======== MATERIAL PROVIDED ========

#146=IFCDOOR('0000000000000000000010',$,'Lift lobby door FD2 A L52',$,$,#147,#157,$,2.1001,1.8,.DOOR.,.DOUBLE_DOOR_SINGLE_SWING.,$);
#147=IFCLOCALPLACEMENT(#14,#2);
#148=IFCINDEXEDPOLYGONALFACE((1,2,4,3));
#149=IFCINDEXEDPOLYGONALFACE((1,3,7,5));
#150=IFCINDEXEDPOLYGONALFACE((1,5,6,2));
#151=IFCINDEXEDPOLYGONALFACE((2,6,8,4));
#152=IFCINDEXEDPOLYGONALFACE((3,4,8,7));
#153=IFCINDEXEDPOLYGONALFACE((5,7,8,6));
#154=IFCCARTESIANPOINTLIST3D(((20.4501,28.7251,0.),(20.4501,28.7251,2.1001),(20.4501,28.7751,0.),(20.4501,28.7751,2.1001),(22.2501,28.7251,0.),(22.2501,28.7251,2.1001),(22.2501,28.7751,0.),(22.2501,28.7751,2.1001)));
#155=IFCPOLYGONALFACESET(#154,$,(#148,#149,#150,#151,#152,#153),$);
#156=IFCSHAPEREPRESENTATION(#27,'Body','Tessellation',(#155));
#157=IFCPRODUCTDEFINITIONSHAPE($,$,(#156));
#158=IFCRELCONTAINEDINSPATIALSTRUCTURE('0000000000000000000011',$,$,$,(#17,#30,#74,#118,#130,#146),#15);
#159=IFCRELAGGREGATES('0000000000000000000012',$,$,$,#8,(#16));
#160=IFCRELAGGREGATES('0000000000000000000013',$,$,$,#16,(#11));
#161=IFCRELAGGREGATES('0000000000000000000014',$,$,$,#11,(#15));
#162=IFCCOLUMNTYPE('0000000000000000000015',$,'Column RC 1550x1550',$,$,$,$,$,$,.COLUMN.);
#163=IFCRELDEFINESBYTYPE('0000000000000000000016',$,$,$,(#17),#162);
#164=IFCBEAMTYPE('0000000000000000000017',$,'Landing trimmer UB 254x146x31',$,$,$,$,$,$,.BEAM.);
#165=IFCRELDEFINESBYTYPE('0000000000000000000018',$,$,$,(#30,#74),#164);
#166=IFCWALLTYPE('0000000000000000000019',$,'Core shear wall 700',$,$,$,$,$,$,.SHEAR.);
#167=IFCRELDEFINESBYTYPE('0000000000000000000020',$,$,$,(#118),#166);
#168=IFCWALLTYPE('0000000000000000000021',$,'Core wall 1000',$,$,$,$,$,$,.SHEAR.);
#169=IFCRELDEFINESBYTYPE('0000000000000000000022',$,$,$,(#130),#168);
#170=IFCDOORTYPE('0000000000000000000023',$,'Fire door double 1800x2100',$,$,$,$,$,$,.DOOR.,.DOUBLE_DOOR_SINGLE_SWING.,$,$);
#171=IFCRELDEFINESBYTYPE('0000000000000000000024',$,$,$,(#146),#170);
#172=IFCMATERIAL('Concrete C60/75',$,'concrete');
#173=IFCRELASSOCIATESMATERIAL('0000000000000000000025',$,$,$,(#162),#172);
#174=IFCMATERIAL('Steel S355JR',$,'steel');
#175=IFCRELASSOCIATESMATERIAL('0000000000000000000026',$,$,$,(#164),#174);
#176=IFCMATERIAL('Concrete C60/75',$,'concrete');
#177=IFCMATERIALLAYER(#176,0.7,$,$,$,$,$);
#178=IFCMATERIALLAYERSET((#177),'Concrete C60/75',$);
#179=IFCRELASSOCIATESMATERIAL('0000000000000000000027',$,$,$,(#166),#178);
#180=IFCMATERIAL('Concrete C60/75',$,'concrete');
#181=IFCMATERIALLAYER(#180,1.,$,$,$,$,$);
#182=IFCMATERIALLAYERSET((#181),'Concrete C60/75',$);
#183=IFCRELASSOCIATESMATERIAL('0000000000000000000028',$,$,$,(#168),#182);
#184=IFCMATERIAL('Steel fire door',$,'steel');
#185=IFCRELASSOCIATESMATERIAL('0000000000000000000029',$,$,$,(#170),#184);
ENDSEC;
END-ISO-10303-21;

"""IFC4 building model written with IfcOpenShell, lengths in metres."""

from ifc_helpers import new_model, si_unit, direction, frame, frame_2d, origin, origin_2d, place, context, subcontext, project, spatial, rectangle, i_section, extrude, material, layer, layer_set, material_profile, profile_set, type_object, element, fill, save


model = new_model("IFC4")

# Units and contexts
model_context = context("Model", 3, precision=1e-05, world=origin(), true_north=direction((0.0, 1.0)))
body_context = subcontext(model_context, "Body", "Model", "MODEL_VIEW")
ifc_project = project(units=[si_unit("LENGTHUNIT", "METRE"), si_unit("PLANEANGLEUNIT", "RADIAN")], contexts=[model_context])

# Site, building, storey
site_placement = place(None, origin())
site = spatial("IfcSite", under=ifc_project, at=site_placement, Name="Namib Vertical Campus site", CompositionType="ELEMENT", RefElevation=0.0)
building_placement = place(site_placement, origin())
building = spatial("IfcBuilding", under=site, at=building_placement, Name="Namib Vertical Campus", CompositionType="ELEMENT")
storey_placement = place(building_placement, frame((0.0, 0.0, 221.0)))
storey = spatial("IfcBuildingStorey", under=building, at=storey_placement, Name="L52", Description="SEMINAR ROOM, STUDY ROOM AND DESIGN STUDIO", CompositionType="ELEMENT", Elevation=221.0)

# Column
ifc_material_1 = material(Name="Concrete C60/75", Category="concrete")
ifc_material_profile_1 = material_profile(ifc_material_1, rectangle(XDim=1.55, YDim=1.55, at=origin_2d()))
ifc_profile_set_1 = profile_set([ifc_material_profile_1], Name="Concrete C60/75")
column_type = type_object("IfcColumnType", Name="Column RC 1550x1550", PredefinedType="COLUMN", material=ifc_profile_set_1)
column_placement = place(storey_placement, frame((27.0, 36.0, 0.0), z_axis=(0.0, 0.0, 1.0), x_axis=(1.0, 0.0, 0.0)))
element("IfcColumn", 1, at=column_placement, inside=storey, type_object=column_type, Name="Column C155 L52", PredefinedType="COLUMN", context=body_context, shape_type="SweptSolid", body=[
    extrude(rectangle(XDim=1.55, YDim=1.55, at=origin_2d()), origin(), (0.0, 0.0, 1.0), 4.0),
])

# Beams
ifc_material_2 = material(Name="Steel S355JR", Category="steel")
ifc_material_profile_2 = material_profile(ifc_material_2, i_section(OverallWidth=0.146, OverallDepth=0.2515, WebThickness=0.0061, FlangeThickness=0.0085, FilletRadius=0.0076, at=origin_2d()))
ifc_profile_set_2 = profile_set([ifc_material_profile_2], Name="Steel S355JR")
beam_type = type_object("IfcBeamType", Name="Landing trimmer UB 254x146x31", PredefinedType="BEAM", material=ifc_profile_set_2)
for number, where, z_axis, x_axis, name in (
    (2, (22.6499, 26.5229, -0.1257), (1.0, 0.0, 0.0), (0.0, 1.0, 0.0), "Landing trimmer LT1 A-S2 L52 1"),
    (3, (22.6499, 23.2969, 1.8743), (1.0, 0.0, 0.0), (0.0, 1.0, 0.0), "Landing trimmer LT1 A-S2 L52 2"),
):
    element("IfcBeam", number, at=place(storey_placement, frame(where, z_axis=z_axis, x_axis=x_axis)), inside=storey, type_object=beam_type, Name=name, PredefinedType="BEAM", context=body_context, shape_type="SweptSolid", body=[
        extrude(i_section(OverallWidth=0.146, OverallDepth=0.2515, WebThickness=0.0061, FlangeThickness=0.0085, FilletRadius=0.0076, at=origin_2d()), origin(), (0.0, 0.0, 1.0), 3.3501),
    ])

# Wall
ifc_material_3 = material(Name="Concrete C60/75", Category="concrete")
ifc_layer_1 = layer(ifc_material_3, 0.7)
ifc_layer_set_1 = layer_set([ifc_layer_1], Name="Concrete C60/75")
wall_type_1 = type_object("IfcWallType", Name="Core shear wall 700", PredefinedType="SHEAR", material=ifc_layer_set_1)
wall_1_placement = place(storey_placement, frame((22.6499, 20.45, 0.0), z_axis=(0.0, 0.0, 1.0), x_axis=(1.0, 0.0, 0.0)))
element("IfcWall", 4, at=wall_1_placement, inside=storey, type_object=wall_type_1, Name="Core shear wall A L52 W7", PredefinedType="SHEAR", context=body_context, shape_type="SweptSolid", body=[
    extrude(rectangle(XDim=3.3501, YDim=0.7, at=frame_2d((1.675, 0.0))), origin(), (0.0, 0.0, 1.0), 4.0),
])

========

### TASK OBJECTIVE
Return only the exact lines from the opening of the records through the line that contains "#164=IFCBEAMTYPE('0000000000000000000017',$,'Landing trimmer UB", both included.

### YOUR RESPONSE
#146=IFCDOOR('0000000000000000000010',$,'Lift lobby door FD2 A L52',$,$,#147,#157,$,2.1001,1.8,.DOOR.,.DOUBLE_DOOR_SINGLE_SWING.,$);
#147=IFCLOCALPLACEMENT(#14,#2);
#148=IFCINDEXEDPOLYGONALFACE((1,2,4,3));
#149=IFCINDEXEDPOLYGONALFACE((1,3,7,5));
#150=IFCINDEXEDPOLYGONALFACE((1,5,6,2));
#151=IFCINDEXEDPOLYGONALFACE((2,6,8,4));
#152=IFCINDEXEDPOLYGONALFACE((3,4,8,7));
#153=IFCINDEXEDPOLYGONALFACE((5,7,8,6));
#154=IFCCARTESIANPOINTLIST3D(((20.4501,28.7251,0.),(20.4501,28.7251,2.1001),(20.4501,28.7751,0.),(20.4501,28.7751,2.1001),(22.2501,28.7251,0.),(22.2501,28.7251,2.1001),(22.2501,28.7751,0.),(22.2501,28.7751,2.1001)));
#155=IFCPOLYGONALFACESET(#154,$,(#148,#149,#150,#151,#152,#153),$);
#156=IFCSHAPEREPRESENTATION(#27,'Body','Tessellation',(#155));
#157=IFCPRODUCTDEFINITIONSHAPE($,$,(#156));
#158=IFCRELCONTAINEDINSPATIALSTRUCTURE('0000000000000000000011',$,$,$,(#17,#30,#74,#118,#130,#146),#15);
#159=IFCRELAGGREGATES('0000000000000000000012',$,$,$,#8,(#16));
#160=IFCRELAGGREGATES('0000000000000000000013',$,$,$,#16,(#11));
#161=IFCRELAGGREGATES('0000000000000000000014',$,$,$,#11,(#15));
#162=IFCCOLUMNTYPE('0000000000000000000015',$,'Column RC 1550x1550',$,$,$,$,$,$,.COLUMN.);
#163=IFCRELDEFINESBYTYPE('0000000000000000000016',$,$,$,(#17),#162);
#164=IFCBEAMTYPE('0000000000000000000017',$,'Landing trimmer UB 254x146x31',$,$,$,$,$,$,.BEAM.);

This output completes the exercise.